Data records
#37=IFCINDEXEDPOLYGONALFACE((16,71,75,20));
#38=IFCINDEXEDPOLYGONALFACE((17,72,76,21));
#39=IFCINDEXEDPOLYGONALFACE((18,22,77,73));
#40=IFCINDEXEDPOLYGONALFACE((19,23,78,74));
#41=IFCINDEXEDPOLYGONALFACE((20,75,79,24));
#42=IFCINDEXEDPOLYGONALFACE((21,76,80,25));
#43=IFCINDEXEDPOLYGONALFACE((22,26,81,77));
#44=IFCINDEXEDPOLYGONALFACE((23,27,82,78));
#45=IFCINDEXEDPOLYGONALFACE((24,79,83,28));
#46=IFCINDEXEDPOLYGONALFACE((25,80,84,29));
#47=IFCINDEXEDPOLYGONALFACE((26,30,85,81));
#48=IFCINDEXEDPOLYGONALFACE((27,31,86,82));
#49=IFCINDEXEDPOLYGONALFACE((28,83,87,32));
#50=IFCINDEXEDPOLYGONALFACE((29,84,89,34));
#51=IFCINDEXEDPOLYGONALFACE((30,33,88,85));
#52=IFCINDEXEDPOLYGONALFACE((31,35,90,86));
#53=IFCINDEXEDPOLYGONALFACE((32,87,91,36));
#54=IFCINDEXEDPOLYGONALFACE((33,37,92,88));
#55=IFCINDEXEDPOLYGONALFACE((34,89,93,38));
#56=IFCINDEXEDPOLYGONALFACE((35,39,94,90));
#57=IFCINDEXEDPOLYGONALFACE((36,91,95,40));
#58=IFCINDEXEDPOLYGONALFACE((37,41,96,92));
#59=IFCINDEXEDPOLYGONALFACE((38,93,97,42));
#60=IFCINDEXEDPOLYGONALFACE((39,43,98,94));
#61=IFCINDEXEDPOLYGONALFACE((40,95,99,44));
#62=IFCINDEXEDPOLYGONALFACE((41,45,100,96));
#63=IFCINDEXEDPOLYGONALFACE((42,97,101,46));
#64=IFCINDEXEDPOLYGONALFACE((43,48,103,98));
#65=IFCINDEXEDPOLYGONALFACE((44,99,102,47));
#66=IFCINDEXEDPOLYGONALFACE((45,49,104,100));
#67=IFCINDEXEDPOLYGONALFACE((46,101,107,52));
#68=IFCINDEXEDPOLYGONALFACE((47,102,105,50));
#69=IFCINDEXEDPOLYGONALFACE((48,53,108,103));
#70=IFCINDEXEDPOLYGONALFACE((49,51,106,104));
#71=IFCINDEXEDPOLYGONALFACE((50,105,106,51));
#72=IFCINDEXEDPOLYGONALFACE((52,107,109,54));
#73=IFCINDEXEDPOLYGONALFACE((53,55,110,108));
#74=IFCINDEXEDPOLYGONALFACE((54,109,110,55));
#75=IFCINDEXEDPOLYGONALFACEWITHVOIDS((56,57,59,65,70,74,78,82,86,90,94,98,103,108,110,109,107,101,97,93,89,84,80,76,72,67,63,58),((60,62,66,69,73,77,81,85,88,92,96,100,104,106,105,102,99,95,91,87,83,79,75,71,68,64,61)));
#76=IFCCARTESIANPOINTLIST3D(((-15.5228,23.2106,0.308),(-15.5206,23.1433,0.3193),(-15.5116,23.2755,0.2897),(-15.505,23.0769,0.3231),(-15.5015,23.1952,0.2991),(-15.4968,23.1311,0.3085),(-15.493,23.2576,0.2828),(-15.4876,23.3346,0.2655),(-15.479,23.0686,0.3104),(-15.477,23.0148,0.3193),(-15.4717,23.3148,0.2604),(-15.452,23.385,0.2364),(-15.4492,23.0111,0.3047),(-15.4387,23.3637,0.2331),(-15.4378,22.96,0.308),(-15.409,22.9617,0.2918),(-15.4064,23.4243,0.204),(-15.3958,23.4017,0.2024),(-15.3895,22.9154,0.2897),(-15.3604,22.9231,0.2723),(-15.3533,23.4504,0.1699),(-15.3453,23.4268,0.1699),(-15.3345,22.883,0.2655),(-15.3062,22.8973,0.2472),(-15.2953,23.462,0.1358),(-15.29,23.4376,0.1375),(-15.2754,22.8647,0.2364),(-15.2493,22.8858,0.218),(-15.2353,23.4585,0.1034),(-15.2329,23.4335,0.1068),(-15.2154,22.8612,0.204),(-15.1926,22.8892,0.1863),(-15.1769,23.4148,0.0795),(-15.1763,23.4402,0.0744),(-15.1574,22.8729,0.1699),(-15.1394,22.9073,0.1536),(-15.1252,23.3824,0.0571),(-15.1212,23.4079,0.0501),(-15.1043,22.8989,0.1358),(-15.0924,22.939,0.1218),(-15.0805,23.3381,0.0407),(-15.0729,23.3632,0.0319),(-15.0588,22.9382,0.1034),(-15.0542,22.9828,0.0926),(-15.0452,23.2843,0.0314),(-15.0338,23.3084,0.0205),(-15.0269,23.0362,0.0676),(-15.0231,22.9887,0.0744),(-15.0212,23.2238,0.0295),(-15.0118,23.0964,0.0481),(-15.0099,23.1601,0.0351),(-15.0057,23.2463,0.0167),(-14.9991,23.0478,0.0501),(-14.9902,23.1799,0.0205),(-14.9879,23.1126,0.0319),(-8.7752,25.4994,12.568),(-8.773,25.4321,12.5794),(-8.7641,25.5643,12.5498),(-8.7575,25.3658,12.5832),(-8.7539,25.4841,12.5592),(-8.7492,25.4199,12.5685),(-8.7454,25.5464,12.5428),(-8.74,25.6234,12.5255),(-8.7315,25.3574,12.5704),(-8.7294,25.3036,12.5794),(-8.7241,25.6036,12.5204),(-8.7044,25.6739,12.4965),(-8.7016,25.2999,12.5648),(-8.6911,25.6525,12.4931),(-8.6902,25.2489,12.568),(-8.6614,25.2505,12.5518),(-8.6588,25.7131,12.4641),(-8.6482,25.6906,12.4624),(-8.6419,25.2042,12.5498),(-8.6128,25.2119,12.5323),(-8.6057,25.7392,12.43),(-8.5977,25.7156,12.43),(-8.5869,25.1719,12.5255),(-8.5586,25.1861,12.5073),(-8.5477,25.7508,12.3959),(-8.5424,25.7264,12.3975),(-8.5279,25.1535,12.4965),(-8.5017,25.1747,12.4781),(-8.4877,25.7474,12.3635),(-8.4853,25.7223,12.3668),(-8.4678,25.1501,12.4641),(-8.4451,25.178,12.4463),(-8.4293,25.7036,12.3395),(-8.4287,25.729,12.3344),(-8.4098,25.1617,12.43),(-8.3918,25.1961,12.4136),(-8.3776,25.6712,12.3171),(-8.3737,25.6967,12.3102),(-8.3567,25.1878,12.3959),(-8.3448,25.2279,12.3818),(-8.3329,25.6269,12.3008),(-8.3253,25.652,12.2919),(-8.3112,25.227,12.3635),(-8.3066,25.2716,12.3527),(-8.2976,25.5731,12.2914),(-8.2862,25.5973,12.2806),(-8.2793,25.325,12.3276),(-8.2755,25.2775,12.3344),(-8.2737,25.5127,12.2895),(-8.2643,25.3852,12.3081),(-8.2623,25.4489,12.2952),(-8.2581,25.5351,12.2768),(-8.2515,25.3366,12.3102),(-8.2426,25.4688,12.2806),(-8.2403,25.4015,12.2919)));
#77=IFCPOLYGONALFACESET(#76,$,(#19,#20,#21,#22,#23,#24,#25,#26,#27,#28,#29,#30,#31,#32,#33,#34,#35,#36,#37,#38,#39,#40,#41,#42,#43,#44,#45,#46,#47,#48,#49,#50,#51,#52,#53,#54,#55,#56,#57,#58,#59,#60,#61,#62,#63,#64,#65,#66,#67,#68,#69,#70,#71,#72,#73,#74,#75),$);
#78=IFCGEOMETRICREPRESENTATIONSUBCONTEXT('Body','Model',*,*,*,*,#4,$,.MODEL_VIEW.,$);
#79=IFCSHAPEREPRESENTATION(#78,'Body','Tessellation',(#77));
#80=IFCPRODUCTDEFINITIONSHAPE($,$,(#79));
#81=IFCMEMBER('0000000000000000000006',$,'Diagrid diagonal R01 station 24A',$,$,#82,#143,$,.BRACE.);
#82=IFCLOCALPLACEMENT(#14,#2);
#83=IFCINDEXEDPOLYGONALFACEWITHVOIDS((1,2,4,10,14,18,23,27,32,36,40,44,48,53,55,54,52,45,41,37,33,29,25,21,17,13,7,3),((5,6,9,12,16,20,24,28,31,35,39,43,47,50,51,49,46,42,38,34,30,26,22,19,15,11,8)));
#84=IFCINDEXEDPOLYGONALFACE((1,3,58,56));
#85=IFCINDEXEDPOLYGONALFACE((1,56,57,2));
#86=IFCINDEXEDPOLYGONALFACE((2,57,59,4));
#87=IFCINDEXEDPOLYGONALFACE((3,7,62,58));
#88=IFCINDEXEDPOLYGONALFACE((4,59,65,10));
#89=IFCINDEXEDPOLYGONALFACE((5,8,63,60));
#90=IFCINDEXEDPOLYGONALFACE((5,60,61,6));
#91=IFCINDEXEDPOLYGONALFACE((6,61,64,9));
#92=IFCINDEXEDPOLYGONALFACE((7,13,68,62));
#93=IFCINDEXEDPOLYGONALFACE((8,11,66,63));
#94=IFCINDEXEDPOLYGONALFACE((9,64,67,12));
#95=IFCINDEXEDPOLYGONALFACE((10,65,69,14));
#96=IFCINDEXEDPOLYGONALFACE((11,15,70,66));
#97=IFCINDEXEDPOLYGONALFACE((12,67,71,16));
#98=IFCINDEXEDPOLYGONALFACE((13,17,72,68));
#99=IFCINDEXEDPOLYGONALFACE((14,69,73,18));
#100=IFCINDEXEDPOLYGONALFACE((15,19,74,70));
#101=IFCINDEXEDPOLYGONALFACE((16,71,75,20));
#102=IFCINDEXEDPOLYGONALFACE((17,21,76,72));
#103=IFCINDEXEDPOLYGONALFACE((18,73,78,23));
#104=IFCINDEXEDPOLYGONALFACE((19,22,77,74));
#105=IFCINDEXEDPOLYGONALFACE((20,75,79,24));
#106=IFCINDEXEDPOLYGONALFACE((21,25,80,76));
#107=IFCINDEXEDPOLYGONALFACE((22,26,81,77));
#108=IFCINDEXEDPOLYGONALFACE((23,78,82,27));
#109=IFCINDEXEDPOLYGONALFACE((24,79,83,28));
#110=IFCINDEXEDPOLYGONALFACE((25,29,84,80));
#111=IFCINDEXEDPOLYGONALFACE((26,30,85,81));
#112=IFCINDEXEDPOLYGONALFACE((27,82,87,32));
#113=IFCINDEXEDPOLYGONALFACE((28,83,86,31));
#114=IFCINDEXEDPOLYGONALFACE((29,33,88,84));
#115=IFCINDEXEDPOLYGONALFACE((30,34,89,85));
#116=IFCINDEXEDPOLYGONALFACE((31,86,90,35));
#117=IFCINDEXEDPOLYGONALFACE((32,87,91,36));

Problem to solve
Quote exactly the stretch of lines above that starts at the first one and ends at the line with "#49=IFCINDEXEDPOLYGONALFACE((28,83,87,32));", and nothing beyond it.

Solved problem
#37=IFCINDEXEDPOLYGONALFACE((16,71,75,20));
#38=IFCINDEXEDPOLYGONALFACE((17,72,76,21));
#39=IFCINDEXEDPOLYGONALFACE((18,22,77,73));
#40=IFCINDEXEDPOLYGONALFACE((19,23,78,74));
#41=IFCINDEXEDPOLYGONALFACE((20,75,79,24));
#42=IFCINDEXEDPOLYGONALFACE((21,76,80,25));
#43=IFCINDEXEDPOLYGONALFACE((22,26,81,77));
#44=IFCINDEXEDPOLYGONALFACE((23,27,82,78));
#45=IFCINDEXEDPOLYGONALFACE((24,79,83,28));
#46=IFCINDEXEDPOLYGONALFACE((25,80,84,29));
#47=IFCINDEXEDPOLYGONALFACE((26,30,85,81));
#48=IFCINDEXEDPOLYGONALFACE((27,31,86,82));
#49=IFCINDEXEDPOLYGONALFACE((28,83,87,32));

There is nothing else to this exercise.